§ Exercise details: From the line that contains "#169=IFCPRODUCTDEFINITIONSHAPE($,$,(#168));" through the line that contains "trimmer beam W200x26.6',$,$,$,$,$,.BEAM.);", output every line of the listing below exactly and leave out all the rest.

§ Supplied data:
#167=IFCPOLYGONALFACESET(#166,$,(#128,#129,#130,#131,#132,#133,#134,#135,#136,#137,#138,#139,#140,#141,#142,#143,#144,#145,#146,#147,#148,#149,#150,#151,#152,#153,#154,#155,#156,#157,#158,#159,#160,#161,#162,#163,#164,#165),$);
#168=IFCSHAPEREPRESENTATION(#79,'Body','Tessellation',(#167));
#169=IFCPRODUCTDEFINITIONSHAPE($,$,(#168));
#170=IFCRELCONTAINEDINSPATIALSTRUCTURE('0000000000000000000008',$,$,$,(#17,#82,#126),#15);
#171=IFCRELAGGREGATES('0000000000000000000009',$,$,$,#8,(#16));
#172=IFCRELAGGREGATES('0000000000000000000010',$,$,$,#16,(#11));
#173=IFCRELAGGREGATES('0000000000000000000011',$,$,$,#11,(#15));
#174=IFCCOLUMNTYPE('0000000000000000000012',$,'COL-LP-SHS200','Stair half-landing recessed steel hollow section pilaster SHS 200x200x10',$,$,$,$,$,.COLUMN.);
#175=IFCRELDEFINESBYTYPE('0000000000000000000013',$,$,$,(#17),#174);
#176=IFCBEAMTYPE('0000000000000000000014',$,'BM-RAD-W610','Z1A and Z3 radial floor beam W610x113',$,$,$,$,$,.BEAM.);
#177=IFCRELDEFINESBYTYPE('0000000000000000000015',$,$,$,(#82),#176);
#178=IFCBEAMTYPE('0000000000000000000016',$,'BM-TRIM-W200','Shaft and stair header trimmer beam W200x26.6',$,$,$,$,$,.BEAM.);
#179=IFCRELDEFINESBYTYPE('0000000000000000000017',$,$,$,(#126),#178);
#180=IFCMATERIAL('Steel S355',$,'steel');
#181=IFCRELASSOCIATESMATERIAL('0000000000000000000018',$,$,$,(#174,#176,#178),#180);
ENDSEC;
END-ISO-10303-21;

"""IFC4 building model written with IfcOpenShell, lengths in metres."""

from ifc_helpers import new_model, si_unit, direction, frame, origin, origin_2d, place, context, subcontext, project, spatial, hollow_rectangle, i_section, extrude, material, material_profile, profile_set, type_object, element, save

§ Problem solution:
#169=IFCPRODUCTDEFINITIONSHAPE($,$,(#168));
#170=IFCRELCONTAINEDINSPATIALSTRUCTURE('0000000000000000000008',$,$,$,(#17,#82,#126),#15);
#171=IFCRELAGGREGATES('0000000000000000000009',$,$,$,#8,(#16));
#172=IFCRELAGGREGATES('0000000000000000000010',$,$,$,#16,(#11));
#173=IFCRELAGGREGATES('0000000000000000000011',$,$,$,#11,(#15));
#174=IFCCOLUMNTYPE('0000000000000000000012',$,'COL-LP-SHS200','Stair half-landing recessed steel hollow section pilaster SHS 200x200x10',$,$,$,$,$,.COLUMN.);
#175=IFCRELDEFINESBYTYPE('0000000000000000000013',$,$,$,(#17),#174);
#176=IFCBEAMTYPE('0000000000000000000014',$,'BM-RAD-W610','Z1A and Z3 radial floor beam W610x113',$,$,$,$,$,.BEAM.);
#177=IFCRELDEFINESBYTYPE('0000000000000000000015',$,$,$,(#82),#176);
#178=IFCBEAMTYPE('0000000000000000000016',$,'BM-TRIM-W200','Shaft and stair header trimmer beam W200x26.6',$,$,$,$,$,.BEAM.);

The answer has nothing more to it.